# What is needed:
In the entries that follow, count each line containing "Reach" and state the total, nothing more.

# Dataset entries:
..............................

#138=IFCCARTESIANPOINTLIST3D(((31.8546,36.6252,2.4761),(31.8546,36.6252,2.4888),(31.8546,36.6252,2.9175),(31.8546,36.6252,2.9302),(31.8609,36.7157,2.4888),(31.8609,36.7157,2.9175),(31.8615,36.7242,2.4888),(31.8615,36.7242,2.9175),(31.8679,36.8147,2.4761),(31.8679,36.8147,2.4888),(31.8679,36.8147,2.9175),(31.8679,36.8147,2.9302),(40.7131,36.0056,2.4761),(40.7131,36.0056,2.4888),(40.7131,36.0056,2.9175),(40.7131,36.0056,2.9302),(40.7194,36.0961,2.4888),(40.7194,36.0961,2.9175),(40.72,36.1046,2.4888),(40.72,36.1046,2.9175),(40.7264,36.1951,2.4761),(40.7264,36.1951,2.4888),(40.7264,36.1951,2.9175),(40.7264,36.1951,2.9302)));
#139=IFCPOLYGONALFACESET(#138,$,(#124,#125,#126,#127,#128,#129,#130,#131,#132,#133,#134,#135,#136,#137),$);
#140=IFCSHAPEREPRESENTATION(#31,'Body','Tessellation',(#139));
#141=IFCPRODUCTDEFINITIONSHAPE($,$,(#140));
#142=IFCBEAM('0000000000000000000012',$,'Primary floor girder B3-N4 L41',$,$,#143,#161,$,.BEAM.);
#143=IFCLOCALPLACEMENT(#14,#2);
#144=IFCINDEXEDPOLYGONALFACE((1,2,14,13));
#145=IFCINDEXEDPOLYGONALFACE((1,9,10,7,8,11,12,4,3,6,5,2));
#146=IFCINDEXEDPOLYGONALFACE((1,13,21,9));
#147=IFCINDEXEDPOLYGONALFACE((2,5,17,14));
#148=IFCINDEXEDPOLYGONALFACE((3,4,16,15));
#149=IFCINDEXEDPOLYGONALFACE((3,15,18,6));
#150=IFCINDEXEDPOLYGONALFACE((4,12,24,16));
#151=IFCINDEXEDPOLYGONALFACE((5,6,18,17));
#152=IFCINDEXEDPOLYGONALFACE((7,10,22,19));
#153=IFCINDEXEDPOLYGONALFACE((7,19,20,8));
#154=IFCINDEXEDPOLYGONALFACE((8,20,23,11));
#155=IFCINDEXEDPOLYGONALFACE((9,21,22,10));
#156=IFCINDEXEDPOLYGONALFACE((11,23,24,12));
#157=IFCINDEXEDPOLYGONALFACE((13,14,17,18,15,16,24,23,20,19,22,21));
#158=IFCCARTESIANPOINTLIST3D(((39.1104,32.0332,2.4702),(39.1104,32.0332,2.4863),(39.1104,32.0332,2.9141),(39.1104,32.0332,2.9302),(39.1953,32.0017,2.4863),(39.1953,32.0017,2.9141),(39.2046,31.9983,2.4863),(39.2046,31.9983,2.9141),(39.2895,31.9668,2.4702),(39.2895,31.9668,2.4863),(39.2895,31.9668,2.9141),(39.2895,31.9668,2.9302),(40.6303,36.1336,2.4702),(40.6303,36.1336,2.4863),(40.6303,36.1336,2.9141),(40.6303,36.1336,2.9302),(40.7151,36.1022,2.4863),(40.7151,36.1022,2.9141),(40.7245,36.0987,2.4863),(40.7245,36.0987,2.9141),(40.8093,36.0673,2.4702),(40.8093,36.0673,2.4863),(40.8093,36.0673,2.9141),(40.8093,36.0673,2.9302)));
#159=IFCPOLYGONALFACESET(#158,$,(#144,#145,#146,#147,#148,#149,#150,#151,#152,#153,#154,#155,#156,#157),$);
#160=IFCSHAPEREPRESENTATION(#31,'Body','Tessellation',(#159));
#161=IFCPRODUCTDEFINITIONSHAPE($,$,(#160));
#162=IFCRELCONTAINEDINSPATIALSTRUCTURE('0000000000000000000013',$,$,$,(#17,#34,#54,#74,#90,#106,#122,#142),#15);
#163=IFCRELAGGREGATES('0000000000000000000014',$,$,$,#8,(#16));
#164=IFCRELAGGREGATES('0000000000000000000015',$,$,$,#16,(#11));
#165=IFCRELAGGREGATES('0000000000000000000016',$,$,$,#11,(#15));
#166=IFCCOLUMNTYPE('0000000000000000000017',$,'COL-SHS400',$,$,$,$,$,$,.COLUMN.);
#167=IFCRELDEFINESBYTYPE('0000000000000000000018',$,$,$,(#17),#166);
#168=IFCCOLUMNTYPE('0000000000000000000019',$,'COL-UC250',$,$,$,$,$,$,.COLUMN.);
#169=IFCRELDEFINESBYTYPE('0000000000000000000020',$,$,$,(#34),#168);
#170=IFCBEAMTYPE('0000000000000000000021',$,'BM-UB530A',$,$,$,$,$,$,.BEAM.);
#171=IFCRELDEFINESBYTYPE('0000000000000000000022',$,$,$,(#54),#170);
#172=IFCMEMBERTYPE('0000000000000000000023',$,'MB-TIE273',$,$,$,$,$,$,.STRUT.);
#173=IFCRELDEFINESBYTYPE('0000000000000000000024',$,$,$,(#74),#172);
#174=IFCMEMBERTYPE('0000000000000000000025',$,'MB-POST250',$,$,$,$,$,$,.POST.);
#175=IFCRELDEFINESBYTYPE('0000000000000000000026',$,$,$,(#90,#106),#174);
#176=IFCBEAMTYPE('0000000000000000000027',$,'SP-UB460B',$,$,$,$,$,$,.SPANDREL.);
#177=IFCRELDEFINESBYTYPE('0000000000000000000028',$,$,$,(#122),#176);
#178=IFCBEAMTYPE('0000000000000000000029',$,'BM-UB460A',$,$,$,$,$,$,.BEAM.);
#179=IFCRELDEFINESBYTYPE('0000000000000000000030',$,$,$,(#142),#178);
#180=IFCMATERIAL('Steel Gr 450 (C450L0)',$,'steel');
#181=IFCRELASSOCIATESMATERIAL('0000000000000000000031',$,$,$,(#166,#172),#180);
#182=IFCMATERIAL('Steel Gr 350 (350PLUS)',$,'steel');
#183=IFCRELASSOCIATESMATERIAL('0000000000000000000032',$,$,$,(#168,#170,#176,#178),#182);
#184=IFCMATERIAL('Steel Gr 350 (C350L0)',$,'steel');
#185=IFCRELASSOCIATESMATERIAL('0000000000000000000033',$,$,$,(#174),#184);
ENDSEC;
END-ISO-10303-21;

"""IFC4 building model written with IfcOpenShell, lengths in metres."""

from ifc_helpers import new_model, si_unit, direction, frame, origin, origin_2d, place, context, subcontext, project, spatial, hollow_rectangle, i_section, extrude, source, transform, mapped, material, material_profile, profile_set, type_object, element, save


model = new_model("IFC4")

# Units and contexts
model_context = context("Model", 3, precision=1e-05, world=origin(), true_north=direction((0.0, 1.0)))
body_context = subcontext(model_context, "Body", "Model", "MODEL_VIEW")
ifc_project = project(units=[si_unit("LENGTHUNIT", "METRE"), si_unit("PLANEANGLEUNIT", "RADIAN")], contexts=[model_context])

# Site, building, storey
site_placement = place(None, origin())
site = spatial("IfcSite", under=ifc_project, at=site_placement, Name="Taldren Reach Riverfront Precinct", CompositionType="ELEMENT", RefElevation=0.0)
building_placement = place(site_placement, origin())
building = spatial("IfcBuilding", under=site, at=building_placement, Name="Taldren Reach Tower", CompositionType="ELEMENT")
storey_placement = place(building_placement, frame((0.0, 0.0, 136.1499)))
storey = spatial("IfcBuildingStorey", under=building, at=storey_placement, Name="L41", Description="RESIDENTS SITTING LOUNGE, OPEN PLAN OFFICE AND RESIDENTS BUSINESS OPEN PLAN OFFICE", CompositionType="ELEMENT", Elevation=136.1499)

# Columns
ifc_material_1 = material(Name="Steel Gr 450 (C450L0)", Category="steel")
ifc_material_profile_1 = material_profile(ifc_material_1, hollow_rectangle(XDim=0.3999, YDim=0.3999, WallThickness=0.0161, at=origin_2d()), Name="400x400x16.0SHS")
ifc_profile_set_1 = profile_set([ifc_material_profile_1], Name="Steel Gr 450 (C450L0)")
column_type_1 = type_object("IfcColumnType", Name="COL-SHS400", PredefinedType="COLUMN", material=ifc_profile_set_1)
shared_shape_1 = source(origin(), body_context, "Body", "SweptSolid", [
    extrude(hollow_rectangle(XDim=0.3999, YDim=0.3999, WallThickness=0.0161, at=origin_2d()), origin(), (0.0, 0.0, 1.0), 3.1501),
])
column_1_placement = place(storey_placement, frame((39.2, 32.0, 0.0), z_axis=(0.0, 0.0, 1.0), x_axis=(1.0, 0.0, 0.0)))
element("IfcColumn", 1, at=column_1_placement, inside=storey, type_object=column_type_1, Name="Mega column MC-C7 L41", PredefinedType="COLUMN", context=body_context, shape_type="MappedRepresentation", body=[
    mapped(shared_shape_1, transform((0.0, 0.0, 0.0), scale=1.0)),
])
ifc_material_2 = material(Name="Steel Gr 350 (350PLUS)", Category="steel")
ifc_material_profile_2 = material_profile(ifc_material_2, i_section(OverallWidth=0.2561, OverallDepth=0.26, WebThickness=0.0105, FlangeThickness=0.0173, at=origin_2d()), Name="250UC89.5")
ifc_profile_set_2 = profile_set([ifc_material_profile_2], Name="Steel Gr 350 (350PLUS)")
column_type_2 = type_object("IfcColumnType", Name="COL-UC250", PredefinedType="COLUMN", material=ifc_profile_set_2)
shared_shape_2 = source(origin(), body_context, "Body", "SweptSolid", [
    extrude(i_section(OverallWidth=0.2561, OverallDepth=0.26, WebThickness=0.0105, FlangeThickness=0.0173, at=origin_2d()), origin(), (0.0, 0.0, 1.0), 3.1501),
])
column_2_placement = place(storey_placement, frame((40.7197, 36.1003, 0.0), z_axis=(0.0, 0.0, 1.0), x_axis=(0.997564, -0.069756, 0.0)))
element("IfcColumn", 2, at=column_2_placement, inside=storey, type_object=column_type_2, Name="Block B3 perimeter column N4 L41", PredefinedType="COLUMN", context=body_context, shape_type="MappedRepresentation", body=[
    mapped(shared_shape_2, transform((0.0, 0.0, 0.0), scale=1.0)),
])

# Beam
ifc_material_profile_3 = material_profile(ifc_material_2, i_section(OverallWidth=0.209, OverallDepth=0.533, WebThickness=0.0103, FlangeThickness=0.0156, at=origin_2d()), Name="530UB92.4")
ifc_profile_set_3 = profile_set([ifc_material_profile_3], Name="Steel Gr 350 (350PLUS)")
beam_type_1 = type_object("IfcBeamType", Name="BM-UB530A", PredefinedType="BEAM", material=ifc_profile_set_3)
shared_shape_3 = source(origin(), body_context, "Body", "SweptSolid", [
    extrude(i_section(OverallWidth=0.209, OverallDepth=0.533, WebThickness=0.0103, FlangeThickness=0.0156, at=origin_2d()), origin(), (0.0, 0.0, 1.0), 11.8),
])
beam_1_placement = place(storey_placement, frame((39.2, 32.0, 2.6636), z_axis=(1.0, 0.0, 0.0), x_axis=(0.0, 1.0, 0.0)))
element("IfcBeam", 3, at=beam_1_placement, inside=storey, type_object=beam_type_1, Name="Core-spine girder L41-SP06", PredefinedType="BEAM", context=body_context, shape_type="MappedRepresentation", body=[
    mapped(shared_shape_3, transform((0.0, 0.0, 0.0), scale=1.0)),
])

..............................

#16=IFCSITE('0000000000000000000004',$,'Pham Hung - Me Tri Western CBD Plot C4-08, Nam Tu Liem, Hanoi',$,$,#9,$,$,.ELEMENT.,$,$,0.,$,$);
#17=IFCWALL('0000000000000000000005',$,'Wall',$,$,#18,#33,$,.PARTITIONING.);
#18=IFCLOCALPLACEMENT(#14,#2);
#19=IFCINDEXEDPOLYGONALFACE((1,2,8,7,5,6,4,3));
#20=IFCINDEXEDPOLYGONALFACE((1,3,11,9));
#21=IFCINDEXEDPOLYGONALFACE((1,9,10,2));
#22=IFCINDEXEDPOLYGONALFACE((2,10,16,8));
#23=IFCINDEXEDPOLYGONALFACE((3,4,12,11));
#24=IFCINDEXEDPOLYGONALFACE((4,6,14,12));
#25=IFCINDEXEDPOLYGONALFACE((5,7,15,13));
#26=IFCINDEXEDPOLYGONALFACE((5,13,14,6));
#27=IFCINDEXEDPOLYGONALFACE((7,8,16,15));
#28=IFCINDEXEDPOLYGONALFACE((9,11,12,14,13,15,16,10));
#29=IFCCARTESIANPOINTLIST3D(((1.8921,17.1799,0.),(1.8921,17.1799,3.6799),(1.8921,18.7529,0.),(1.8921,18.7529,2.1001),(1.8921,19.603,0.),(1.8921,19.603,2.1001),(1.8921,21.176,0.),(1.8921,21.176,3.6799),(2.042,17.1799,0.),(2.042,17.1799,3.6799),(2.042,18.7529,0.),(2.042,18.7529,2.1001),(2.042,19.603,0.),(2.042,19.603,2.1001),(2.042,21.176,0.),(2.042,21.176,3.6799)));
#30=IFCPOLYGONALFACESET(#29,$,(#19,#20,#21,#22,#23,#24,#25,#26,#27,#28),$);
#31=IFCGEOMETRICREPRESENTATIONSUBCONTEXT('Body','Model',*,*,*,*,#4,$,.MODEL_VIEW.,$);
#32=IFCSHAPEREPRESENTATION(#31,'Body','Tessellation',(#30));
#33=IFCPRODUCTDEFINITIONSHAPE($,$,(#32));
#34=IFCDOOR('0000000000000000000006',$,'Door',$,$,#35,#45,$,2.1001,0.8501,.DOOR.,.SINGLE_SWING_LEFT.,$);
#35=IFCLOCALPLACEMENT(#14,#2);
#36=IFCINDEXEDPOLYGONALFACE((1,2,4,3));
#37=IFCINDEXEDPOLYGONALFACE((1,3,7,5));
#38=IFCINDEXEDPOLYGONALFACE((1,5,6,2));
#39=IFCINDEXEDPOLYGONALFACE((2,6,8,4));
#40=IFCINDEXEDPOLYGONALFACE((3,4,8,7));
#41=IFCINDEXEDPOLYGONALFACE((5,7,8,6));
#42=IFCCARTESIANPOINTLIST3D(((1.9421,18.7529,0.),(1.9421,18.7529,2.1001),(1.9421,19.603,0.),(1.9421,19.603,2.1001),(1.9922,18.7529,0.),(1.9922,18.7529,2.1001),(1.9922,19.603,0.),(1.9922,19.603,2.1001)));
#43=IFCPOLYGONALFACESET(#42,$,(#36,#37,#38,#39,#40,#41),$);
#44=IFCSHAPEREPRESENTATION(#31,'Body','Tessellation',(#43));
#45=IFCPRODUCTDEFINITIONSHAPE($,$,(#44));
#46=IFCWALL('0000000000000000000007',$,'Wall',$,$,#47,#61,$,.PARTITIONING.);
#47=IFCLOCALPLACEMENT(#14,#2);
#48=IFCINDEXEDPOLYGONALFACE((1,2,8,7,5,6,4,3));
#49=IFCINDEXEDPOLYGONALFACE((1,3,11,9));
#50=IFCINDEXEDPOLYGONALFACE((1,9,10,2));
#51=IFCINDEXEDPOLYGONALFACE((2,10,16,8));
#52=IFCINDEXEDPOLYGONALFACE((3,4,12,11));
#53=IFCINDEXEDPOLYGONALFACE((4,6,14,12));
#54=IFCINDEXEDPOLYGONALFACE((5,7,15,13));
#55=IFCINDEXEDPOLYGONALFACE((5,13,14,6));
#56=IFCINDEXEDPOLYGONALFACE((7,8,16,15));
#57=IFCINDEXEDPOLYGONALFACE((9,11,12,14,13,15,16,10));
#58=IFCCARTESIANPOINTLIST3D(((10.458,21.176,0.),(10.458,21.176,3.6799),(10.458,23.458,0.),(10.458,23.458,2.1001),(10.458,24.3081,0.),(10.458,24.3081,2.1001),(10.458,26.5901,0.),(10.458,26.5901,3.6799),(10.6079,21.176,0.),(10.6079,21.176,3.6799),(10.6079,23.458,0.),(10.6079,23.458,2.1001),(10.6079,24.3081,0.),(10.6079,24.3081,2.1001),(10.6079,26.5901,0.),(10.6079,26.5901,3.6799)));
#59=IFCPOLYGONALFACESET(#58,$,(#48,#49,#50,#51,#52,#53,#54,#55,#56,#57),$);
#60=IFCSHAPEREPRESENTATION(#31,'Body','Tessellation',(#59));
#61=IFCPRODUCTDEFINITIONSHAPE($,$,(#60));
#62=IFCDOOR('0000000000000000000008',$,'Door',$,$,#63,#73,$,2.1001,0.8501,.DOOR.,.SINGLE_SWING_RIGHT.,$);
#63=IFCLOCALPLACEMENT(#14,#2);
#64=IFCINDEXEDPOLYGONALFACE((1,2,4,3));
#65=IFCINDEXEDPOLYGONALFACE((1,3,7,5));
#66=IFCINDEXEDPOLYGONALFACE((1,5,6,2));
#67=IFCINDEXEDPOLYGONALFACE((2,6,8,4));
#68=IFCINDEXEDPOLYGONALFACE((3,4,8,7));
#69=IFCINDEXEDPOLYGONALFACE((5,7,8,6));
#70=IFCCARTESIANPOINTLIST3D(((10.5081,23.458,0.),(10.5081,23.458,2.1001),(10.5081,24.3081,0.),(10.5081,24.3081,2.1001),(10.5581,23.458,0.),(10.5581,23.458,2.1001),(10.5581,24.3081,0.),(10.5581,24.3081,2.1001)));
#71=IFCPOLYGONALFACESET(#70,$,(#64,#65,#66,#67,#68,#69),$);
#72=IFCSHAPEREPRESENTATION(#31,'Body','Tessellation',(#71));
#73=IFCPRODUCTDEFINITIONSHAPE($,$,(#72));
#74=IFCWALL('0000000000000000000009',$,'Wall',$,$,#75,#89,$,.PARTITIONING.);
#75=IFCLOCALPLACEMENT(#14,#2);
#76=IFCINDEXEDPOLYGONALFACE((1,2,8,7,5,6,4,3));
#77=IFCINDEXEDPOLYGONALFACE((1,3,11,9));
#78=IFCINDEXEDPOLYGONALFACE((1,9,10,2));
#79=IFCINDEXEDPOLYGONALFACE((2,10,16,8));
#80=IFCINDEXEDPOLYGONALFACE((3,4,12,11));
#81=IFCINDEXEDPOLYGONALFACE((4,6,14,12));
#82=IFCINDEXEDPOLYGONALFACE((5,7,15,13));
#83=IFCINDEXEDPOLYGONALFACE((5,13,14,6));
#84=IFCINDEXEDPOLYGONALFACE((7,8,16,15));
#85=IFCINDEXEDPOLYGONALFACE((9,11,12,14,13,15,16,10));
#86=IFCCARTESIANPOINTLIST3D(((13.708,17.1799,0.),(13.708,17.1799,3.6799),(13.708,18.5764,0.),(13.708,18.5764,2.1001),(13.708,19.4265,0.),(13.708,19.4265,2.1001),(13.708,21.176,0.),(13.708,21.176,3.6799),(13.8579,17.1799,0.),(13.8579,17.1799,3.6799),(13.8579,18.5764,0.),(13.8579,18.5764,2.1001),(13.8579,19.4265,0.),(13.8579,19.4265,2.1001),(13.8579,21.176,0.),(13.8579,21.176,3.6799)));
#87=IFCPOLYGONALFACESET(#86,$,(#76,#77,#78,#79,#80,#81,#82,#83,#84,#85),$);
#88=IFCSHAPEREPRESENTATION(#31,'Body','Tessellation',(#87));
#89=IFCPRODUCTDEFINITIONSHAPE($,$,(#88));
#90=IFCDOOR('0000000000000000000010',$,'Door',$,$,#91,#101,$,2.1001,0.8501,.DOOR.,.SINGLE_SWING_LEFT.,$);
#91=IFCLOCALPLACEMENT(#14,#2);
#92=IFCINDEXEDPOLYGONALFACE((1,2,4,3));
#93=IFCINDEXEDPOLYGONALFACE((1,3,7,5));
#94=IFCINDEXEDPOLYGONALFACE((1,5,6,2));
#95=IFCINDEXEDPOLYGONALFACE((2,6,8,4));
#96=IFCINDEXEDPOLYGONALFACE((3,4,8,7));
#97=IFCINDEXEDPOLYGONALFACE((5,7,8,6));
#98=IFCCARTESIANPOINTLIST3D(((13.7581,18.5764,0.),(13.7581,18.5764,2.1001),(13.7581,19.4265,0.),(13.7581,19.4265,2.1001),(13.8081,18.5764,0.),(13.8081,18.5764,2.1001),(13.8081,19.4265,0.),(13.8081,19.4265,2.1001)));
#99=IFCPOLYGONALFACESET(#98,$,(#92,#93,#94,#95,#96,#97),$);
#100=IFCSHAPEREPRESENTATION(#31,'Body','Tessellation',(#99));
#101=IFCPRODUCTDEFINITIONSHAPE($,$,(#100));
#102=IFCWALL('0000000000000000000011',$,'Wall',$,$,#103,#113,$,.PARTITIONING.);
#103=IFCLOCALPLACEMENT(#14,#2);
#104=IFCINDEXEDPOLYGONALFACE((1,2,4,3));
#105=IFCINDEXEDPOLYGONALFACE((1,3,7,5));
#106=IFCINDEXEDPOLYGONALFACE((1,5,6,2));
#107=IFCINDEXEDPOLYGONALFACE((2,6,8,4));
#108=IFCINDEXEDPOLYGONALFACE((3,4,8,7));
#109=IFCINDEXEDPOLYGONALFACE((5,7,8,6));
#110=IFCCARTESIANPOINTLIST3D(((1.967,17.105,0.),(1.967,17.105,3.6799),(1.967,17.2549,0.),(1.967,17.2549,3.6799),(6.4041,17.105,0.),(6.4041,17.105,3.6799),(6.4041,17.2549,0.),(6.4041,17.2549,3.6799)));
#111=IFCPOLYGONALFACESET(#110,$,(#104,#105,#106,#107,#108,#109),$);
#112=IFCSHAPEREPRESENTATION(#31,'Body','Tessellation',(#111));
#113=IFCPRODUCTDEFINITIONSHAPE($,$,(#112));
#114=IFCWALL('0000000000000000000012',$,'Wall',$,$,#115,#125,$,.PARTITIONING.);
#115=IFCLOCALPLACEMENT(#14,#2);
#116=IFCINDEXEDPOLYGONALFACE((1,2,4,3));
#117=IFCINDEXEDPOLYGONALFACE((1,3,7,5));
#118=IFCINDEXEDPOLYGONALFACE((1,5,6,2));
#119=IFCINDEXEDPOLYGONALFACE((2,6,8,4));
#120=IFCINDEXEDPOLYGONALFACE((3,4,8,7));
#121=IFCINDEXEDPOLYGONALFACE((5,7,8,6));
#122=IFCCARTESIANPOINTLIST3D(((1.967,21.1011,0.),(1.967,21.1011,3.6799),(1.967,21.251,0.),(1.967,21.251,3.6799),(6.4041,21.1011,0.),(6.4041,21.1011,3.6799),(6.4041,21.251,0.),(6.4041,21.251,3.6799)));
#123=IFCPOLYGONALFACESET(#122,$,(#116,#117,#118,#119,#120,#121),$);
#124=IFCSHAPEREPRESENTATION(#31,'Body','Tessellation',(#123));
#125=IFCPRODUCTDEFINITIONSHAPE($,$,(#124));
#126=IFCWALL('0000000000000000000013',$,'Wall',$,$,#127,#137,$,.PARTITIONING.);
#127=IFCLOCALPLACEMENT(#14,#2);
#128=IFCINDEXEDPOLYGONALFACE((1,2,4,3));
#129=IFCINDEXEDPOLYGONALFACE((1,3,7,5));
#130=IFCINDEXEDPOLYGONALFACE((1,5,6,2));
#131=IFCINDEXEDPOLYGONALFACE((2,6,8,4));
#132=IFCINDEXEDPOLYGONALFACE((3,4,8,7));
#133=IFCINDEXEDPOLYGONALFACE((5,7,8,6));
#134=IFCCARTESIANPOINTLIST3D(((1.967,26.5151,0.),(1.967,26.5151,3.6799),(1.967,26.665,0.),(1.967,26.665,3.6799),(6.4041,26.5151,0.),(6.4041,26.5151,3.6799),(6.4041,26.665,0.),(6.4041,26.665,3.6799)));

..............................

# Solution:
2